Filter the listing below, keeping every line that holds "IFCRELAGGREGATES".

*** Source information ***

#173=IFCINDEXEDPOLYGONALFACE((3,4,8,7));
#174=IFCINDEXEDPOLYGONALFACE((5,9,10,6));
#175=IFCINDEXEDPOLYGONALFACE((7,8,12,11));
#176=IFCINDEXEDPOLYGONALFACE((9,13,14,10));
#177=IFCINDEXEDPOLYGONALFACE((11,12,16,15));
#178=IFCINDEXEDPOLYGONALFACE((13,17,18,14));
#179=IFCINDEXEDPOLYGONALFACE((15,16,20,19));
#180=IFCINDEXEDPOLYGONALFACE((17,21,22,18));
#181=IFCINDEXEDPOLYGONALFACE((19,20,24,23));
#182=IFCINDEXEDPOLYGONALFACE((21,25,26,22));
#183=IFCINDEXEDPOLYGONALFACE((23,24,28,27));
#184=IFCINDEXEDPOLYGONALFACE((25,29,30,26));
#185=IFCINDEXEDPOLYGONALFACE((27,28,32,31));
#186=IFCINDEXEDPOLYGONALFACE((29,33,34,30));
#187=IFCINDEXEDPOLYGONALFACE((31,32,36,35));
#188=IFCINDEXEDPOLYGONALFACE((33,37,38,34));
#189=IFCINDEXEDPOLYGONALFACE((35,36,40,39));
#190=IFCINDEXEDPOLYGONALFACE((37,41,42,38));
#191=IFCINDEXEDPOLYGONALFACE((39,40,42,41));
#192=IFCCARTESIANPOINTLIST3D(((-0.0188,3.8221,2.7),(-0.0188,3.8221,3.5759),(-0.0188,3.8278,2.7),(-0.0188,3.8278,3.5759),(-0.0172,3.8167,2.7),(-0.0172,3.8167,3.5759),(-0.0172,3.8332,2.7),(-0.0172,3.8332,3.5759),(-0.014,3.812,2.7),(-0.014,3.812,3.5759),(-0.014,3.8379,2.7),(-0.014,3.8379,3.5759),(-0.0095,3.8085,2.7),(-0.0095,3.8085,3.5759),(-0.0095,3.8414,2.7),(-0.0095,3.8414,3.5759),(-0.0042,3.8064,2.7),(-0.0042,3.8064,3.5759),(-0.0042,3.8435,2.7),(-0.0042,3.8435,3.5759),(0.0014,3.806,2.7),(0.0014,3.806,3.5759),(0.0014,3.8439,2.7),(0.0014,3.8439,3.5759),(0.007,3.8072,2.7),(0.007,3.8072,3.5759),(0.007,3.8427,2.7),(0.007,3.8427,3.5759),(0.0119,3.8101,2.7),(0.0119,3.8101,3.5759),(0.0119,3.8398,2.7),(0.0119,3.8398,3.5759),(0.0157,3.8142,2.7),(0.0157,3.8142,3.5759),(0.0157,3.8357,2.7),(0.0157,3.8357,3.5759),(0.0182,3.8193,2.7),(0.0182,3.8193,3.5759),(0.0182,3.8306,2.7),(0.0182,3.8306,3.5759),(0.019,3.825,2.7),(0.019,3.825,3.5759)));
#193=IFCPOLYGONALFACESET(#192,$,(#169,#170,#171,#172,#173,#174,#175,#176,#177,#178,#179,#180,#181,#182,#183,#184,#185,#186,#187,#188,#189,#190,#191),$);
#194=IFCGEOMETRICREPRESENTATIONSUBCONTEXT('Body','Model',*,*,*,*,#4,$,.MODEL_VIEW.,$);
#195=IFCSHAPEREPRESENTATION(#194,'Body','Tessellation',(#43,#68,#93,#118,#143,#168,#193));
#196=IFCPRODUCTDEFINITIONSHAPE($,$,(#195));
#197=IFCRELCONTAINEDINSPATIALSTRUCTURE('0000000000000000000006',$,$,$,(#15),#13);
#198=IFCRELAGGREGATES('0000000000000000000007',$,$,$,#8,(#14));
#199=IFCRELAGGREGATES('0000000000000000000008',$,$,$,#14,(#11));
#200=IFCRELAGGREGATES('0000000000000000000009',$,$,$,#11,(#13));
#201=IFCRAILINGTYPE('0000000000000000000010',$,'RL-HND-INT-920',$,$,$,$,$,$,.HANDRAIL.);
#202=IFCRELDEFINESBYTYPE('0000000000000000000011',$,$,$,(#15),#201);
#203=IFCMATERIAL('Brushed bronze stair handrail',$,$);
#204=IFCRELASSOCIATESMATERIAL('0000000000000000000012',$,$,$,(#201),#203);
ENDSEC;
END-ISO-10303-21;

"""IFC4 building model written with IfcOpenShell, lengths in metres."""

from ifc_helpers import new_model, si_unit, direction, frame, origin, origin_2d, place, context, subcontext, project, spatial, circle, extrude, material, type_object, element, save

*** End of Source information ***

Response for this exercise:
#198=IFCRELAGGREGATES('0000000000000000000007',$,$,$,#8,(#14));
#199=IFCRELAGGREGATES('0000000000000000000008',$,$,$,#14,(#11));
#200=IFCRELAGGREGATES('0000000000000000000009',$,$,$,#11,(#13));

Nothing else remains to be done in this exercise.